**The task**
In the material below, the required lines run from the one containing "#23=IFCINDEXEDPOLYGONALFACE((3,4,8,7));" through the one containing "#44=IFCINDEXEDPOLYGONALFACE((1,3,7,5));". Copy those lines exactly, ends included, and nothing else.
===== Material provided
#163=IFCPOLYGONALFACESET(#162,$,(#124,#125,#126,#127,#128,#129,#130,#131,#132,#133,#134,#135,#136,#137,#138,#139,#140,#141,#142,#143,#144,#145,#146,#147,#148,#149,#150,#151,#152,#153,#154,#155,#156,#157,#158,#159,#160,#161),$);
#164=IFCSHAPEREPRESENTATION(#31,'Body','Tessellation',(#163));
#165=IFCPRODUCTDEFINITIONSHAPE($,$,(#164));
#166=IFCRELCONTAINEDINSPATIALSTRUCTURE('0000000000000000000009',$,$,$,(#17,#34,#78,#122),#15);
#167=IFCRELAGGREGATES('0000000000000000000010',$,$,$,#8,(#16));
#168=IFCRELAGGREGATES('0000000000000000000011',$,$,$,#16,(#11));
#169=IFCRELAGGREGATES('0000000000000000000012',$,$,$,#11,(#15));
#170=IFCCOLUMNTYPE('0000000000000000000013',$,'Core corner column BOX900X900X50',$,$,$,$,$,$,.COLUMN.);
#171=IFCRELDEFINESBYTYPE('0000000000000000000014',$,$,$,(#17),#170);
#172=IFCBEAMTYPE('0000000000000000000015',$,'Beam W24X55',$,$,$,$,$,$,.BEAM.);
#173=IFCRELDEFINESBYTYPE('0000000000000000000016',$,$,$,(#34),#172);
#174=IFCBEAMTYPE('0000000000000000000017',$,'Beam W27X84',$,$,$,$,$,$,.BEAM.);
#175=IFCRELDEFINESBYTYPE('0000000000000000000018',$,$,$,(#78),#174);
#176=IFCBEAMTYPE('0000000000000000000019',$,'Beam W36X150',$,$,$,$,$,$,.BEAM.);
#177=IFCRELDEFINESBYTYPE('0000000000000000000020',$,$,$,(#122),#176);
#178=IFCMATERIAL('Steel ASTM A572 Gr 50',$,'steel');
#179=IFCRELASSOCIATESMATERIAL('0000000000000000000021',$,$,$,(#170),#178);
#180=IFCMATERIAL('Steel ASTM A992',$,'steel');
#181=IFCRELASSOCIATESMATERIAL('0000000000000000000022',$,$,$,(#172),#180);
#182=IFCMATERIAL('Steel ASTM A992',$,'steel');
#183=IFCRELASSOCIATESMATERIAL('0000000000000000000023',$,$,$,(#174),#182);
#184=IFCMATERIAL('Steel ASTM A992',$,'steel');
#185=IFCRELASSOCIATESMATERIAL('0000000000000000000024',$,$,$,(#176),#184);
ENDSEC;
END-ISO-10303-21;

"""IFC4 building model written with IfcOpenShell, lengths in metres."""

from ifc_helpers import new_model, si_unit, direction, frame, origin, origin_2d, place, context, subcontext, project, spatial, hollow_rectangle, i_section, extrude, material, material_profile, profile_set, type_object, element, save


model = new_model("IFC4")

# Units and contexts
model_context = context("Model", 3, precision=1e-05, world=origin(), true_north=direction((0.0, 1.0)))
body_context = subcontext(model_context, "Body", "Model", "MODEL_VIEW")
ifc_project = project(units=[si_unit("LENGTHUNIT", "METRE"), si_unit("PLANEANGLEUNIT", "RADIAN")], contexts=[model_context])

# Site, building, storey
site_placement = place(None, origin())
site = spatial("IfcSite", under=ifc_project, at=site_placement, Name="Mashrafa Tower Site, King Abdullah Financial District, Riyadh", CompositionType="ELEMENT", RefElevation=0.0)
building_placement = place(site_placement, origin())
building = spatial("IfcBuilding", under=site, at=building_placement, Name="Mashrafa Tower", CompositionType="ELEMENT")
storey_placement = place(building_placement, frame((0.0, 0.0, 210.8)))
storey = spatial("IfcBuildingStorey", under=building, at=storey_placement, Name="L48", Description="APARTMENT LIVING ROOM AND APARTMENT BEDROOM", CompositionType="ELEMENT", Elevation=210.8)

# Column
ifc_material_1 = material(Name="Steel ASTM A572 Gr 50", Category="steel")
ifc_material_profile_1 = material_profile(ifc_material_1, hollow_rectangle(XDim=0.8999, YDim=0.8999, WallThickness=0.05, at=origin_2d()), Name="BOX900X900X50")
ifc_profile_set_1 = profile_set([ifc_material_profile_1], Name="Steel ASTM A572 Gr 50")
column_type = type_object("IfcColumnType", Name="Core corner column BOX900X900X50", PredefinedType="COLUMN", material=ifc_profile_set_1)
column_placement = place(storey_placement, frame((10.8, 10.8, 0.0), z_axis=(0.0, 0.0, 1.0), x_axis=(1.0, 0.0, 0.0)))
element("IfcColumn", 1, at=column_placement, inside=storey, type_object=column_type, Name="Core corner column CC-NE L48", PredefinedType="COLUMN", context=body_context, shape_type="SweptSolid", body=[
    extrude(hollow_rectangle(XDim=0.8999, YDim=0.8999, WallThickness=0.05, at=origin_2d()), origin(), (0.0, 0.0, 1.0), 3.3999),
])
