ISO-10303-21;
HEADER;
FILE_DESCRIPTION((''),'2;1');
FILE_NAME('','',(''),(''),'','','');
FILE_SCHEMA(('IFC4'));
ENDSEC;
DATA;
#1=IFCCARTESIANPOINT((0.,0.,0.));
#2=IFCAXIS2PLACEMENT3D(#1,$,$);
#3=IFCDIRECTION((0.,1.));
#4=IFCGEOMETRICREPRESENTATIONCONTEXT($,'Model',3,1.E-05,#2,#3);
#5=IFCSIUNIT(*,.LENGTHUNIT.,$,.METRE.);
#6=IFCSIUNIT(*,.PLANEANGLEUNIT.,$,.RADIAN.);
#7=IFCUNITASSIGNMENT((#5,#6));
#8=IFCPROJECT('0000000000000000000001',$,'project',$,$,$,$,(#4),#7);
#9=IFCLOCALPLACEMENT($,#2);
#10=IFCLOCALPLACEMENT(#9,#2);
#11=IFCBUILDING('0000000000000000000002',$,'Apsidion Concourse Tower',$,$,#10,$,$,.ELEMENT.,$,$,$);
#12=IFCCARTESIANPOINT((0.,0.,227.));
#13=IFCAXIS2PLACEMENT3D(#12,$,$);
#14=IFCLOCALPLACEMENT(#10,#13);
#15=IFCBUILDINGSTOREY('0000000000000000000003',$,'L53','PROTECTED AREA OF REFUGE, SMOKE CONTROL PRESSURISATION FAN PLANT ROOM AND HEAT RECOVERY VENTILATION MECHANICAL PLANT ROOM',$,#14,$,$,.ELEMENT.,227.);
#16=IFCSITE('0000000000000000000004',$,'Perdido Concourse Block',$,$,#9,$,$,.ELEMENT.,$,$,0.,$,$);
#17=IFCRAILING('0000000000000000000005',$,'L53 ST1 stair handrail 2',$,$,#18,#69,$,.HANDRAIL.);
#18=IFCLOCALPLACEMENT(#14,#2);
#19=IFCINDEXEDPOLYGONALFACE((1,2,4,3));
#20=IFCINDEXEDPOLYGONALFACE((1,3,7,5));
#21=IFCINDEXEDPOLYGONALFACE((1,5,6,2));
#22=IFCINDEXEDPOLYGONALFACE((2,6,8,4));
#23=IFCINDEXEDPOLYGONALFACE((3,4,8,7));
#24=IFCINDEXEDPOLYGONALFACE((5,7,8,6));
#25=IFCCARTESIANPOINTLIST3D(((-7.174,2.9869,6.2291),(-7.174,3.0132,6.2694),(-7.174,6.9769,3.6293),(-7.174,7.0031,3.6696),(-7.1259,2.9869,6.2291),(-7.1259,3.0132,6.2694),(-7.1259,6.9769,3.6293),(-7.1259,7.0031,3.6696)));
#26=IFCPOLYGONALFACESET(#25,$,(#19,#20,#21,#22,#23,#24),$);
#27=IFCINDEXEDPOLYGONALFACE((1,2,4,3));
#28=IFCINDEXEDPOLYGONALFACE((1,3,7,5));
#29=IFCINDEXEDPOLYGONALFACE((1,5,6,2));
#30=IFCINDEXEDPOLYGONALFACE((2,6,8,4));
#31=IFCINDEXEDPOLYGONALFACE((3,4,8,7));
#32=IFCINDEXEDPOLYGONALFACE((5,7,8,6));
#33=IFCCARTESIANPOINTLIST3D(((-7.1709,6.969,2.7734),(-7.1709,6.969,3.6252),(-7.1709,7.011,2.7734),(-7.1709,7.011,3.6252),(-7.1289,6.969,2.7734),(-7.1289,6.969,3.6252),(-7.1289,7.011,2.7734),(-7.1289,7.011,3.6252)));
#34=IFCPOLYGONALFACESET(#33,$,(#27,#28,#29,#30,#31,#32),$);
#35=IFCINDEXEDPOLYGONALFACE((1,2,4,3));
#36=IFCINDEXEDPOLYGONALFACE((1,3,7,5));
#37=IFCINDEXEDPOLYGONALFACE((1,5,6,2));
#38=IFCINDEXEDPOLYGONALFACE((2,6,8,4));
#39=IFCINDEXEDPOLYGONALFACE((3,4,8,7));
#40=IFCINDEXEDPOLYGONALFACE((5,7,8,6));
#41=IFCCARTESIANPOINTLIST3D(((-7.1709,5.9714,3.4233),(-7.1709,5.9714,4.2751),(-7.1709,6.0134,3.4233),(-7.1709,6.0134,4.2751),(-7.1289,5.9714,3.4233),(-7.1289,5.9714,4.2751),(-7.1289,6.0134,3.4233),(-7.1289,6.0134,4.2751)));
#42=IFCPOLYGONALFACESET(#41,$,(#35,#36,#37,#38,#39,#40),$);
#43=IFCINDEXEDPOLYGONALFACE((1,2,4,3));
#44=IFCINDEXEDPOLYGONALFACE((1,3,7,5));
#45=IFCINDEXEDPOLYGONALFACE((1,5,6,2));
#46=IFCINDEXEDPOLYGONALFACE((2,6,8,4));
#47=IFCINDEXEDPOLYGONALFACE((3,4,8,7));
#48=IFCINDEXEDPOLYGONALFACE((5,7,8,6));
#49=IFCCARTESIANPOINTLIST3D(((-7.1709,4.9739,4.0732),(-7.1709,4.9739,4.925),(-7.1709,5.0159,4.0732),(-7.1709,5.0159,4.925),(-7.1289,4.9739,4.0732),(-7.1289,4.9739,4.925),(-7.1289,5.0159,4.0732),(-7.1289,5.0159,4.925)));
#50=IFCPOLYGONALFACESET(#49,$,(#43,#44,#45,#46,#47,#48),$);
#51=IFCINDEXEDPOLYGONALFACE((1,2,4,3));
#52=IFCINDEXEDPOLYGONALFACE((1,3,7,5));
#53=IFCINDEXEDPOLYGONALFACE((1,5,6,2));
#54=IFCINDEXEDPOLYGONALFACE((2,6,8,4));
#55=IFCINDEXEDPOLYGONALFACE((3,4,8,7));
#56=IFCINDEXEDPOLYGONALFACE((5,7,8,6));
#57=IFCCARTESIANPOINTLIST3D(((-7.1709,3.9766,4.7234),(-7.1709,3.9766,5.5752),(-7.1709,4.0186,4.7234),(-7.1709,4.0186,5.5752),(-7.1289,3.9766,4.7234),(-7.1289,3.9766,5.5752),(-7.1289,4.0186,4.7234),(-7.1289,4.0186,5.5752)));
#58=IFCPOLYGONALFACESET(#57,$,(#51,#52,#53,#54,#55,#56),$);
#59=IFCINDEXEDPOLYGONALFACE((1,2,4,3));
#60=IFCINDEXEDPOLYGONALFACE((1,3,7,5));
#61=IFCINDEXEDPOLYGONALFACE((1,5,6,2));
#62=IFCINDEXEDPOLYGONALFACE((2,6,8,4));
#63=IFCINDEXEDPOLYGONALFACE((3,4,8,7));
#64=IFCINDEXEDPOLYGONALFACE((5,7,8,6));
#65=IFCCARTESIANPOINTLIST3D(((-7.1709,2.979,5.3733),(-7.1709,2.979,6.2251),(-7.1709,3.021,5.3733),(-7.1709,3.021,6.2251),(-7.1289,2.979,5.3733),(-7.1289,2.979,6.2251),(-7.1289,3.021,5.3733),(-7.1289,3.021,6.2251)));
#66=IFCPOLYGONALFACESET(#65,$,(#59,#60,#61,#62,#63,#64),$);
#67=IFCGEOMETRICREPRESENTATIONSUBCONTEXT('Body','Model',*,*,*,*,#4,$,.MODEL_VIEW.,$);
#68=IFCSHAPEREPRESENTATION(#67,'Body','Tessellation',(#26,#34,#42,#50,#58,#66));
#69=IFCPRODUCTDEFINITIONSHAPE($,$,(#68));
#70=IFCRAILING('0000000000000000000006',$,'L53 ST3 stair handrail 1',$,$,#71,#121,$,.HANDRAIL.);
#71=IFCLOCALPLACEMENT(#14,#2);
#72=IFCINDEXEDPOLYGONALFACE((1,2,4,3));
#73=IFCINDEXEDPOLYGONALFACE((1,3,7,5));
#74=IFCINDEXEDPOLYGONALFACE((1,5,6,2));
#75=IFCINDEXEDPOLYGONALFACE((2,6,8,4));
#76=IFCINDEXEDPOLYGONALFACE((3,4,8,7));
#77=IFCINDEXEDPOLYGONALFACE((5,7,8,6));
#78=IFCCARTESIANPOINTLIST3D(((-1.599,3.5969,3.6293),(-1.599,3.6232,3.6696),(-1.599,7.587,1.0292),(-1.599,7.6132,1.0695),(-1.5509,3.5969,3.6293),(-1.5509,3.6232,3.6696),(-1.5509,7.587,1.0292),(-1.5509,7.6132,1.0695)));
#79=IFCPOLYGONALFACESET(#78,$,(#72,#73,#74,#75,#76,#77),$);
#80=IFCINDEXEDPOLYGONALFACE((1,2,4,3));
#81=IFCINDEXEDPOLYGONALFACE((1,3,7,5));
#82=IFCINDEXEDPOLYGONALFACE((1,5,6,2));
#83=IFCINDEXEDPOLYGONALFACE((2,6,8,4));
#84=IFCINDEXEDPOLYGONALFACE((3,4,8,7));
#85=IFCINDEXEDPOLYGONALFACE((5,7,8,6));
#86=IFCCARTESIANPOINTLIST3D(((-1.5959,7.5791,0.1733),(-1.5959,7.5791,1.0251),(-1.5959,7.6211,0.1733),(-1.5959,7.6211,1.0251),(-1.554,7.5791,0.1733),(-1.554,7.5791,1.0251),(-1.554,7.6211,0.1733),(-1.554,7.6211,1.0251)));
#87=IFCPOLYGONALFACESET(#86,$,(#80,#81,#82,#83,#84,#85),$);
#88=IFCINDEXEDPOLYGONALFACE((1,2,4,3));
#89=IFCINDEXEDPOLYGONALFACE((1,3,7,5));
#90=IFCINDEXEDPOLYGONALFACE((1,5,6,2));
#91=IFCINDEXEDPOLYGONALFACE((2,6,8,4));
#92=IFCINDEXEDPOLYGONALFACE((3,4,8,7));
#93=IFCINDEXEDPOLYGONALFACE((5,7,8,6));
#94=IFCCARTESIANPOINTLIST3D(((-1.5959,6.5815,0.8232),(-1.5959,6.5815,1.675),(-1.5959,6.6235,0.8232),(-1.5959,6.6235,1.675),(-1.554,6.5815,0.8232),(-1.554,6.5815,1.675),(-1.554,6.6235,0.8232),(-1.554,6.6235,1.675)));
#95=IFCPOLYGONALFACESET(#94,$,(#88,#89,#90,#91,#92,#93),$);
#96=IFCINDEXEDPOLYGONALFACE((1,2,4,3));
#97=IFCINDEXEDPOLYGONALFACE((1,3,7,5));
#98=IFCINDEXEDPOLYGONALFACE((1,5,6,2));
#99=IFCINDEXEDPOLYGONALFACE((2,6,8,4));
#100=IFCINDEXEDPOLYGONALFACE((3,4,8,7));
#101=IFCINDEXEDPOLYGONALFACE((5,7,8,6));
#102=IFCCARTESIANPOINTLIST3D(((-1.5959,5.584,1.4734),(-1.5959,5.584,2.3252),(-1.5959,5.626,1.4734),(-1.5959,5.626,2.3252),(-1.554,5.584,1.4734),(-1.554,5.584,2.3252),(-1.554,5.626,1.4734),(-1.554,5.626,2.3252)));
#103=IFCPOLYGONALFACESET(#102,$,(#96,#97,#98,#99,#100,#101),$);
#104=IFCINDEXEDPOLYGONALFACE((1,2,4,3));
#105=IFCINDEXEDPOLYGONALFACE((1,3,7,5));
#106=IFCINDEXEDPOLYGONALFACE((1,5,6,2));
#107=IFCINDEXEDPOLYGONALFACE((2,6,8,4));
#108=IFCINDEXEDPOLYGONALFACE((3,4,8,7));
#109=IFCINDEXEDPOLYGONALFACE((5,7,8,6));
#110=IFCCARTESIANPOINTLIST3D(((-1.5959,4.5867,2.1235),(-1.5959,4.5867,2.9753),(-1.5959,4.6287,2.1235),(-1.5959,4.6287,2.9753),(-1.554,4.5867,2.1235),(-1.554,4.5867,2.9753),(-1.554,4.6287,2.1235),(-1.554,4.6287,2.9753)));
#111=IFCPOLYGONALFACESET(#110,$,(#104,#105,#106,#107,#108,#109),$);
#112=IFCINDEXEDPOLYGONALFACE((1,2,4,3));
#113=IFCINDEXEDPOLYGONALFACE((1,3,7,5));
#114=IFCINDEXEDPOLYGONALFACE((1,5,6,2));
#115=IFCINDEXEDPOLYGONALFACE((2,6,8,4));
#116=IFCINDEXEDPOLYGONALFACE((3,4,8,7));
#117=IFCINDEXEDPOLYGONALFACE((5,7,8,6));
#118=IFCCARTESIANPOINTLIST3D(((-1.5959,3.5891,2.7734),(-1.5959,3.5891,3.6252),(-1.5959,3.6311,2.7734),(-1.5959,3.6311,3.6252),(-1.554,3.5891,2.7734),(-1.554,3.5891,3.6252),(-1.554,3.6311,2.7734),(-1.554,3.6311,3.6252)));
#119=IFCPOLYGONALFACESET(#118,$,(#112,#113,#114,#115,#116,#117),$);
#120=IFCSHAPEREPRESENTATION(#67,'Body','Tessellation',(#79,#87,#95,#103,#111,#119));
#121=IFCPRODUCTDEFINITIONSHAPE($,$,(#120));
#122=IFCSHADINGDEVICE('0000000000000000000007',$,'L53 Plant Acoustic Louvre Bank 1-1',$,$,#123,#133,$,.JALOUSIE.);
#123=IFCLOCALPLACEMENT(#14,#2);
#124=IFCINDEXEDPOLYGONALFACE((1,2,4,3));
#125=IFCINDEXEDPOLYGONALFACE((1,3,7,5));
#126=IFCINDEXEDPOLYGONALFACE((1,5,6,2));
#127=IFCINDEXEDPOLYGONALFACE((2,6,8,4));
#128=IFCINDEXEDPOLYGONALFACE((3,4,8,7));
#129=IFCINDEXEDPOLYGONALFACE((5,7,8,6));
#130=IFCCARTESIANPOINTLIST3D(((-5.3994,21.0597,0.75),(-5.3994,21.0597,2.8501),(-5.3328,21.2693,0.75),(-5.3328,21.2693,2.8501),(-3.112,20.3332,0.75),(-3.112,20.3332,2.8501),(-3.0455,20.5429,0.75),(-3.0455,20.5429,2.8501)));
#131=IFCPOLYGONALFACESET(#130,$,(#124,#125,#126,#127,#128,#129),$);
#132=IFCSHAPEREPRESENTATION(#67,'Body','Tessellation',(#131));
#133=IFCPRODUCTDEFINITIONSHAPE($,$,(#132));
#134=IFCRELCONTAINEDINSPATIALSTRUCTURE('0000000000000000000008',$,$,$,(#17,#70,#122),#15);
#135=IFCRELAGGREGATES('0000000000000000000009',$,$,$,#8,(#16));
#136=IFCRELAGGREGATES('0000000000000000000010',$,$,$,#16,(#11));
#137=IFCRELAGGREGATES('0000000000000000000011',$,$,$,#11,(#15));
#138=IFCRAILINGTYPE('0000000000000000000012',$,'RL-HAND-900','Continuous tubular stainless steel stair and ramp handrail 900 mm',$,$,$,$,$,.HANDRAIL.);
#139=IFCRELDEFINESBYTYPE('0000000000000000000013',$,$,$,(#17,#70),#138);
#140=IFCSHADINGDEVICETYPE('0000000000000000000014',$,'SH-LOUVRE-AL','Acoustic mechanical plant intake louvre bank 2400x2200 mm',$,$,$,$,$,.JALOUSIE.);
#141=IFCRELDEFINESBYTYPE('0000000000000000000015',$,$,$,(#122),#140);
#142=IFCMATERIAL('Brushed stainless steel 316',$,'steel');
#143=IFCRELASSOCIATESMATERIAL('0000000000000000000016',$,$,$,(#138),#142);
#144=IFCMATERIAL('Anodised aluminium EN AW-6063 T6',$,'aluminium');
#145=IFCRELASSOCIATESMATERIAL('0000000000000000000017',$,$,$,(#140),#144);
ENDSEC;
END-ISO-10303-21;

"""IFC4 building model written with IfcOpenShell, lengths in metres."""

from ifc_helpers import new_model, si_unit, direction, frame, origin, origin_2d, place, context, subcontext, project, spatial, rectangle, extrude, material, type_object, element, save


model = new_model("IFC4")

# Units and contexts
model_context = context("Model", 3, precision=1e-05, world=origin(), true_north=direction((0.0, 1.0)))
body_context = subcontext(model_context, "Body", "Model", "MODEL_VIEW")
ifc_project = project(units=[si_unit("LENGTHUNIT", "METRE"), si_unit("PLANEANGLEUNIT", "RADIAN")], contexts=[model_context])

# Site, building, storey
site_placement = place(None, origin())
site = spatial("IfcSite", under=ifc_project, at=site_placement, Name="Perdido Concourse Block", CompositionType="ELEMENT", RefElevation=0.0)
building_placement = place(site_placement, origin())
building = spatial("IfcBuilding", under=site, at=building_placement, Name="Apsidion Concourse Tower", CompositionType="ELEMENT")
storey_placement = place(building_placement, frame((0.0, 0.0, 227.0)))
storey = spatial("IfcBuildingStorey", under=building, at=storey_placement, Name="L53", Description="PROTECTED AREA OF REFUGE, SMOKE CONTROL PRESSURISATION FAN PLANT ROOM AND HEAT RECOVERY VENTILATION MECHANICAL PLANT ROOM", CompositionType="ELEMENT", Elevation=227.0)

# Shared definitions
ifc_material_1 = material(Name="Brushed stainless steel 316", Category="steel")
==========
**Solved exercise**
#23=IFCINDEXEDPOLYGONALFACE((3,4,8,7));
#24=IFCINDEXEDPOLYGONALFACE((5,7,8,6));
#25=IFCCARTESIANPOINTLIST3D(((-7.174,2.9869,6.2291),(-7.174,3.0132,6.2694),(-7.174,6.9769,3.6293),(-7.174,7.0031,3.6696),(-7.1259,2.9869,6.2291),(-7.1259,3.0132,6.2694),(-7.1259,6.9769,3.6293),(-7.1259,7.0031,3.6696)));
#26=IFCPOLYGONALFACESET(#25,$,(#19,#20,#21,#22,#23,#24),$);
#27=IFCINDEXEDPOLYGONALFACE((1,2,4,3));
#28=IFCINDEXEDPOLYGONALFACE((1,3,7,5));
#29=IFCINDEXEDPOLYGONALFACE((1,5,6,2));
#30=IFCINDEXEDPOLYGONALFACE((2,6,8,4));
#31=IFCINDEXEDPOLYGONALFACE((3,4,8,7));
#32=IFCINDEXEDPOLYGONALFACE((5,7,8,6));
#33=IFCCARTESIANPOINTLIST3D(((-7.1709,6.969,2.7734),(-7.1709,6.969,3.6252),(-7.1709,7.011,2.7734),(-7.1709,7.011,3.6252),(-7.1289,6.969,2.7734),(-7.1289,6.969,3.6252),(-7.1289,7.011,2.7734),(-7.1289,7.011,3.6252)));
#34=IFCPOLYGONALFACESET(#33,$,(#27,#28,#29,#30,#31,#32),$);
#35=IFCINDEXEDPOLYGONALFACE((1,2,4,3));
#36=IFCINDEXEDPOLYGONALFACE((1,3,7,5));
#37=IFCINDEXEDPOLYGONALFACE((1,5,6,2));
#38=IFCINDEXEDPOLYGONALFACE((2,6,8,4));
#39=IFCINDEXEDPOLYGONALFACE((3,4,8,7));
#40=IFCINDEXEDPOLYGONALFACE((5,7,8,6));
#41=IFCCARTESIANPOINTLIST3D(((-7.1709,5.9714,3.4233),(-7.1709,5.9714,4.2751),(-7.1709,6.0134,3.4233),(-7.1709,6.0134,4.2751),(-7.1289,5.9714,3.4233),(-7.1289,5.9714,4.2751),(-7.1289,6.0134,3.4233),(-7.1289,6.0134,4.2751)));
#42=IFCPOLYGONALFACESET(#41,$,(#35,#36,#37,#38,#39,#40),$);
#43=IFCINDEXEDPOLYGONALFACE((1,2,4,3));
#44=IFCINDEXEDPOLYGONALFACE((1,3,7,5));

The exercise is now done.